*** Begin section ***
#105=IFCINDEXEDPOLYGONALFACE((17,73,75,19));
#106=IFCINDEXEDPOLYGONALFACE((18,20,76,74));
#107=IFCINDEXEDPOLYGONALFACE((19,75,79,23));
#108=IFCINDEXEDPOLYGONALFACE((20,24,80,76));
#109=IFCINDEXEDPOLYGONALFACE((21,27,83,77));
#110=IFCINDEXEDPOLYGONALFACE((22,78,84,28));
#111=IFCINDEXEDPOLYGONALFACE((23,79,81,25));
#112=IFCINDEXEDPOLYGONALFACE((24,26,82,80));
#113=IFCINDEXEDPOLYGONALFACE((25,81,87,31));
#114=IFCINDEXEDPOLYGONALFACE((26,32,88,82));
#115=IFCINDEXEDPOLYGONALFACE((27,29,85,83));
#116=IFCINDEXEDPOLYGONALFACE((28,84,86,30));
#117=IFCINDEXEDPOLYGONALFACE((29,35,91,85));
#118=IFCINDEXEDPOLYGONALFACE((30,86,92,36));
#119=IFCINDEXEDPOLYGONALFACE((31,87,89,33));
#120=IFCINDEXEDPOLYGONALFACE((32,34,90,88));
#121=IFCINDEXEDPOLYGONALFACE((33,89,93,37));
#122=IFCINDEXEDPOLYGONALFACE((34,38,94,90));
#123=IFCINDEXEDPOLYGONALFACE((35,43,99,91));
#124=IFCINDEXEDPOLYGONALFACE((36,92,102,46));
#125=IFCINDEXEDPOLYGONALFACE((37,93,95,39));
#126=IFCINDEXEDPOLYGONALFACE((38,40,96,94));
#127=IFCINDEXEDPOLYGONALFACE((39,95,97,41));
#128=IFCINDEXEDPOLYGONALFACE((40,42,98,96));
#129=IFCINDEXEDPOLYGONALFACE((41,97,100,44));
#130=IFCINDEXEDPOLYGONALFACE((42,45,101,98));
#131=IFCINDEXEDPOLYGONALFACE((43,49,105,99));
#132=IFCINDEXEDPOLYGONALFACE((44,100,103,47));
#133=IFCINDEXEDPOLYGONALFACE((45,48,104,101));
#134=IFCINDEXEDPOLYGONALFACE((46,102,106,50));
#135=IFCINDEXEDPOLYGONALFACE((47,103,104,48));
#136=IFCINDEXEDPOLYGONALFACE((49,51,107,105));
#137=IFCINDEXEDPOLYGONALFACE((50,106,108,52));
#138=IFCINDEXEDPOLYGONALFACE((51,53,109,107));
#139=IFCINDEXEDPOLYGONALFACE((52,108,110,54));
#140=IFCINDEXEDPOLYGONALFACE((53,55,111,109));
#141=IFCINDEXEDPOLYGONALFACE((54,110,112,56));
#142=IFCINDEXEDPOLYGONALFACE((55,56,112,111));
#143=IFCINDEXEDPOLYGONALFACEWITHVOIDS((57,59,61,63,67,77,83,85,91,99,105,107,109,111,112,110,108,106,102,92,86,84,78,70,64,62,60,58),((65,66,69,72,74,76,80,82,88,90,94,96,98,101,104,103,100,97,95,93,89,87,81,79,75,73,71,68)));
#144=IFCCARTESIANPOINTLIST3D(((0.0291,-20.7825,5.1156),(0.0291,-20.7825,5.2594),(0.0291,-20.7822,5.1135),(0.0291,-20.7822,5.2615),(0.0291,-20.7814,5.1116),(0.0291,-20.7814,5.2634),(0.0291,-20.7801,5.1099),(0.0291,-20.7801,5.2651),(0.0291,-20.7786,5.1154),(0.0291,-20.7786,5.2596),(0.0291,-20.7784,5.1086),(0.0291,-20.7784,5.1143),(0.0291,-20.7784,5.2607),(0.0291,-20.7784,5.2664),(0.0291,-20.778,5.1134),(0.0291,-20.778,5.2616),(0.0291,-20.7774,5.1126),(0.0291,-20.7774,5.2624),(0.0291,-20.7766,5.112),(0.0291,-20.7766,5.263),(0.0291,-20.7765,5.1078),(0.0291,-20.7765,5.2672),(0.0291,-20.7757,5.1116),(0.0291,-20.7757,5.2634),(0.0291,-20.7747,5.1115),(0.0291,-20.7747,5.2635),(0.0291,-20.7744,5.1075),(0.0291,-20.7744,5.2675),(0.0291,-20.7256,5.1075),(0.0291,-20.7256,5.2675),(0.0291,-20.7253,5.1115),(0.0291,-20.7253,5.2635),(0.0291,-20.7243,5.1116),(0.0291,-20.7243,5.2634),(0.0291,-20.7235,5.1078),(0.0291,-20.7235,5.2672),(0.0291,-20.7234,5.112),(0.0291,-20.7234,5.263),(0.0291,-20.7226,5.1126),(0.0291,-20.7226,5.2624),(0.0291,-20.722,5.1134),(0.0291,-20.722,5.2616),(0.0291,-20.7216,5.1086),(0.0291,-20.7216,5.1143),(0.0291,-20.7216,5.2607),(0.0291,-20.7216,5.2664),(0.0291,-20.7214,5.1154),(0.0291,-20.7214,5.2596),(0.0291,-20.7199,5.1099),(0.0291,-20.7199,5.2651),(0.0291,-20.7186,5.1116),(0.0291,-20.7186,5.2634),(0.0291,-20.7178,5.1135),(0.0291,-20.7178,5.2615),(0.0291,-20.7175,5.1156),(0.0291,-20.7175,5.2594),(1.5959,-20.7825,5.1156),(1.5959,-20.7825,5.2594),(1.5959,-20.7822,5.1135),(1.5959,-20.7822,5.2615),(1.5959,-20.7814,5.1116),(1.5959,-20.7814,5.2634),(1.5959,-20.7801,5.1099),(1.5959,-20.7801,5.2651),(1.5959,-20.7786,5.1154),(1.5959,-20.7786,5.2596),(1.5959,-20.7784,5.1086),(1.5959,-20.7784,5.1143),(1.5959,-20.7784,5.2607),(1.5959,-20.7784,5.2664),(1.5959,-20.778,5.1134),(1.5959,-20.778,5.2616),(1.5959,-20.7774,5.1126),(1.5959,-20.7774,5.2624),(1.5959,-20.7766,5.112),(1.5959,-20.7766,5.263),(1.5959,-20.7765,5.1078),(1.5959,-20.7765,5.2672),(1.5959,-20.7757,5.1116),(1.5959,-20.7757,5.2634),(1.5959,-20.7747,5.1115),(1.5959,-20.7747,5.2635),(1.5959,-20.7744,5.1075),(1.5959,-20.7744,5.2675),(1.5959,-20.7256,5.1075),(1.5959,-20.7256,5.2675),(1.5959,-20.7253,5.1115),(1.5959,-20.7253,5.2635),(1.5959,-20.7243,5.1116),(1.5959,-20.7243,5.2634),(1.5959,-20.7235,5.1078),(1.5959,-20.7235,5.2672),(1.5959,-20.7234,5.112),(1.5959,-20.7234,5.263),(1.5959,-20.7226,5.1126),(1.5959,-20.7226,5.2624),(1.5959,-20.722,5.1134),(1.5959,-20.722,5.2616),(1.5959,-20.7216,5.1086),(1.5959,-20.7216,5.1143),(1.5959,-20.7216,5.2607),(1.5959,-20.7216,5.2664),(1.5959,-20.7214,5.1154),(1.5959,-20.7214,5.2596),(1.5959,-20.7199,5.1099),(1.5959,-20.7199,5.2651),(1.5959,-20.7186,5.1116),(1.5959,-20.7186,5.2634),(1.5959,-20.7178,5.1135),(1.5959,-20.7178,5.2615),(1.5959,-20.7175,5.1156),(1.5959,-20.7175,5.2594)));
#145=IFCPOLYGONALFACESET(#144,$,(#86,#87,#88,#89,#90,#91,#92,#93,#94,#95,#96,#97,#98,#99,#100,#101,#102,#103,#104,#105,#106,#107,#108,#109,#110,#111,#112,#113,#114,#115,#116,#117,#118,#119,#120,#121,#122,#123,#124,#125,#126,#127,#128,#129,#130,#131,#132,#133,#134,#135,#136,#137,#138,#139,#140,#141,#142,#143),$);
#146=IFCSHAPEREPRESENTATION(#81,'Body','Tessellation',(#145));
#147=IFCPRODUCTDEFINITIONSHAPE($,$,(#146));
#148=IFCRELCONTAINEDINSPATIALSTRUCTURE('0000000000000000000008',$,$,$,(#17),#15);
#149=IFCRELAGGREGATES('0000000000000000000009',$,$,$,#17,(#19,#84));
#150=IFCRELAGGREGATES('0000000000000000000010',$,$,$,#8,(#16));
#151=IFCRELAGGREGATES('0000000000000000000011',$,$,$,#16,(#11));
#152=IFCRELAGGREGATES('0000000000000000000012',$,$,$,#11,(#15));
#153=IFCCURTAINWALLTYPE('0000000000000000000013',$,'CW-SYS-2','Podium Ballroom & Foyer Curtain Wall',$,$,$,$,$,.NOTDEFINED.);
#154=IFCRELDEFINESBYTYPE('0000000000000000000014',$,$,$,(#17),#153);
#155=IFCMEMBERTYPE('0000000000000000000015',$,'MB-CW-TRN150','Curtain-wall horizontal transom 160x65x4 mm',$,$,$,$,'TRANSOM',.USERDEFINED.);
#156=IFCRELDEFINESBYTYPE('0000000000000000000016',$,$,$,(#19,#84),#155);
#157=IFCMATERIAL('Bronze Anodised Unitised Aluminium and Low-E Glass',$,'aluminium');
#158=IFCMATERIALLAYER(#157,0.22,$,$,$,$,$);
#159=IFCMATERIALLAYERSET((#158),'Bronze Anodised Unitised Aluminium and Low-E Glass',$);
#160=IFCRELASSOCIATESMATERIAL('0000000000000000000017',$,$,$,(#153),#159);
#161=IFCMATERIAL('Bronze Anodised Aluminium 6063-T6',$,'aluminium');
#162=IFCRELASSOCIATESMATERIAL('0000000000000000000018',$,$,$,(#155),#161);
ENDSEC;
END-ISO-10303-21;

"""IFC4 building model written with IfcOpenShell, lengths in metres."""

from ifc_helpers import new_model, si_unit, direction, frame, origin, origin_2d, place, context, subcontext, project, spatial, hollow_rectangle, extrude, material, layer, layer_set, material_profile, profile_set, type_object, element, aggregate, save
*** End section ***
- ASSIGNMENT: For each line above that contains the word "Glass", copy that line.

- SOLUTION TO THIS EXERCISE:
#157=IFCMATERIAL('Bronze Anodised Unitised Aluminium and Low-E Glass',$,'aluminium');
#159=IFCMATERIALLAYERSET((#158),'Bronze Anodised Unitised Aluminium and Low-E Glass',$);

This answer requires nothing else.